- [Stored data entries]
──────

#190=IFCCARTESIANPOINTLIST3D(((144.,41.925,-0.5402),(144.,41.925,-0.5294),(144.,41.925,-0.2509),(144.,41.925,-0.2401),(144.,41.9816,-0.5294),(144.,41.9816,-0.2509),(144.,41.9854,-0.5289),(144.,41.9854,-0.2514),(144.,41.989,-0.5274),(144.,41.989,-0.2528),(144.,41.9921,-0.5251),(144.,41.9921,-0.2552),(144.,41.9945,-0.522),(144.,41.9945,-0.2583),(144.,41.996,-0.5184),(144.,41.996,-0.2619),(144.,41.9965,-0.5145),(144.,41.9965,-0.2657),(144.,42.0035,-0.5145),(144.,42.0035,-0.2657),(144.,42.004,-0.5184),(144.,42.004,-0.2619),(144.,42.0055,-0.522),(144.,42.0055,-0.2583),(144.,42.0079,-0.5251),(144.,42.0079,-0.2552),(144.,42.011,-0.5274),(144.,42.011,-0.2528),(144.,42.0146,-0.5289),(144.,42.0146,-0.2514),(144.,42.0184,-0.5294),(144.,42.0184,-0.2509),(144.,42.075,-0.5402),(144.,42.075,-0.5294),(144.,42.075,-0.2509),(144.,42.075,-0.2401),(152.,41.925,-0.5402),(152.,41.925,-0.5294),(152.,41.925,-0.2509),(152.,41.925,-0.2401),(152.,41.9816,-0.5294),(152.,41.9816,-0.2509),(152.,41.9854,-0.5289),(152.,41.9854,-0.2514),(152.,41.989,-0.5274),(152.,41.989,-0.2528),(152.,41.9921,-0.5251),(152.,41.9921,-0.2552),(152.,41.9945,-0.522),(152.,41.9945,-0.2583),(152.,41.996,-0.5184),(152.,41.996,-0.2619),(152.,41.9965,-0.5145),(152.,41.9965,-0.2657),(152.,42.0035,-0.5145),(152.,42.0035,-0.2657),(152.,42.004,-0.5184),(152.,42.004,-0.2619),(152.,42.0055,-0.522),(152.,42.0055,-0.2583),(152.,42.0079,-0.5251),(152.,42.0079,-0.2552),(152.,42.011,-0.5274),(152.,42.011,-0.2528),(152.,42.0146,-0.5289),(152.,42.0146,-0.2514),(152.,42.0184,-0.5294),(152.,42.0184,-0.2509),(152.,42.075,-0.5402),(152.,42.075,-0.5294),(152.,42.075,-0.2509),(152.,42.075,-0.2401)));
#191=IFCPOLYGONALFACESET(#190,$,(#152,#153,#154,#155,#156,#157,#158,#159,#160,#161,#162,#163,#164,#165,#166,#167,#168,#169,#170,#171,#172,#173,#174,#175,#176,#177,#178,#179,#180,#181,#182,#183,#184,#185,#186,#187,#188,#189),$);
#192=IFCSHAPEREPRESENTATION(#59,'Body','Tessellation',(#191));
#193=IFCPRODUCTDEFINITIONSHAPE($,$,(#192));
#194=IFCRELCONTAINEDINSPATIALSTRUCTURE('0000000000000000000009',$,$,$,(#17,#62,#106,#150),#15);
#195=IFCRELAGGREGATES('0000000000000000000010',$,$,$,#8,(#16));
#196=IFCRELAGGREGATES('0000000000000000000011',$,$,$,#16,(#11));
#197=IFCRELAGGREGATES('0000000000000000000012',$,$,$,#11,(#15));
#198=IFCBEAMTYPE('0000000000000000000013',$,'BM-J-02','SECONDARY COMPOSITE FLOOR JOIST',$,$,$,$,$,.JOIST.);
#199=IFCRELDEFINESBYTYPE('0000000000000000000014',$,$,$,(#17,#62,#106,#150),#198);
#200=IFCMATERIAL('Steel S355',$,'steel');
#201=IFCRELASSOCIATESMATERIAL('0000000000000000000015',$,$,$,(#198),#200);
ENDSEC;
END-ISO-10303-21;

──────

- [What you need to do] Output the data exactly, in full.

- [Output of the task]
#190=IFCCARTESIANPOINTLIST3D(((144.,41.925,-0.5402),(144.,41.925,-0.5294),(144.,41.925,-0.2509),(144.,41.925,-0.2401),(144.,41.9816,-0.5294),(144.,41.9816,-0.2509),(144.,41.9854,-0.5289),(144.,41.9854,-0.2514),(144.,41.989,-0.5274),(144.,41.989,-0.2528),(144.,41.9921,-0.5251),(144.,41.9921,-0.2552),(144.,41.9945,-0.522),(144.,41.9945,-0.2583),(144.,41.996,-0.5184),(144.,41.996,-0.2619),(144.,41.9965,-0.5145),(144.,41.9965,-0.2657),(144.,42.0035,-0.5145),(144.,42.0035,-0.2657),(144.,42.004,-0.5184),(144.,42.004,-0.2619),(144.,42.0055,-0.522),(144.,42.0055,-0.2583),(144.,42.0079,-0.5251),(144.,42.0079,-0.2552),(144.,42.011,-0.5274),(144.,42.011,-0.2528),(144.,42.0146,-0.5289),(144.,42.0146,-0.2514),(144.,42.0184,-0.5294),(144.,42.0184,-0.2509),(144.,42.075,-0.5402),(144.,42.075,-0.5294),(144.,42.075,-0.2509),(144.,42.075,-0.2401),(152.,41.925,-0.5402),(152.,41.925,-0.5294),(152.,41.925,-0.2509),(152.,41.925,-0.2401),(152.,41.9816,-0.5294),(152.,41.9816,-0.2509),(152.,41.9854,-0.5289),(152.,41.9854,-0.2514),(152.,41.989,-0.5274),(152.,41.989,-0.2528),(152.,41.9921,-0.5251),(152.,41.9921,-0.2552),(152.,41.9945,-0.522),(152.,41.9945,-0.2583),(152.,41.996,-0.5184),(152.,41.996,-0.2619),(152.,41.9965,-0.5145),(152.,41.9965,-0.2657),(152.,42.0035,-0.5145),(152.,42.0035,-0.2657),(152.,42.004,-0.5184),(152.,42.004,-0.2619),(152.,42.0055,-0.522),(152.,42.0055,-0.2583),(152.,42.0079,-0.5251),(152.,42.0079,-0.2552),(152.,42.011,-0.5274),(152.,42.011,-0.2528),(152.,42.0146,-0.5289),(152.,42.0146,-0.2514),(152.,42.0184,-0.5294),(152.,42.0184,-0.2509),(152.,42.075,-0.5402),(152.,42.075,-0.5294),(152.,42.075,-0.2509),(152.,42.075,-0.2401)));
#191=IFCPOLYGONALFACESET(#190,$,(#152,#153,#154,#155,#156,#157,#158,#159,#160,#161,#162,#163,#164,#165,#166,#167,#168,#169,#170,#171,#172,#173,#174,#175,#176,#177,#178,#179,#180,#181,#182,#183,#184,#185,#186,#187,#188,#189),$);
#192=IFCSHAPEREPRESENTATION(#59,'Body','Tessellation',(#191));
#193=IFCPRODUCTDEFINITIONSHAPE($,$,(#192));
#194=IFCRELCONTAINEDINSPATIALSTRUCTURE('0000000000000000000009',$,$,$,(#17,#62,#106,#150),#15);
#195=IFCRELAGGREGATES('0000000000000000000010',$,$,$,#8,(#16));
#196=IFCRELAGGREGATES('0000000000000000000011',$,$,$,#16,(#11));
#197=IFCRELAGGREGATES('0000000000000000000012',$,$,$,#11,(#15));
#198=IFCBEAMTYPE('0000000000000000000013',$,'BM-J-02','SECONDARY COMPOSITE FLOOR JOIST',$,$,$,$,$,.JOIST.);
#199=IFCRELDEFINESBYTYPE('0000000000000000000014',$,$,$,(#17,#62,#106,#150),#198);
#200=IFCMATERIAL('Steel S355',$,'steel');
#201=IFCRELASSOCIATESMATERIAL('0000000000000000000015',$,$,$,(#198),#200);
ENDSEC;
END-ISO-10303-21;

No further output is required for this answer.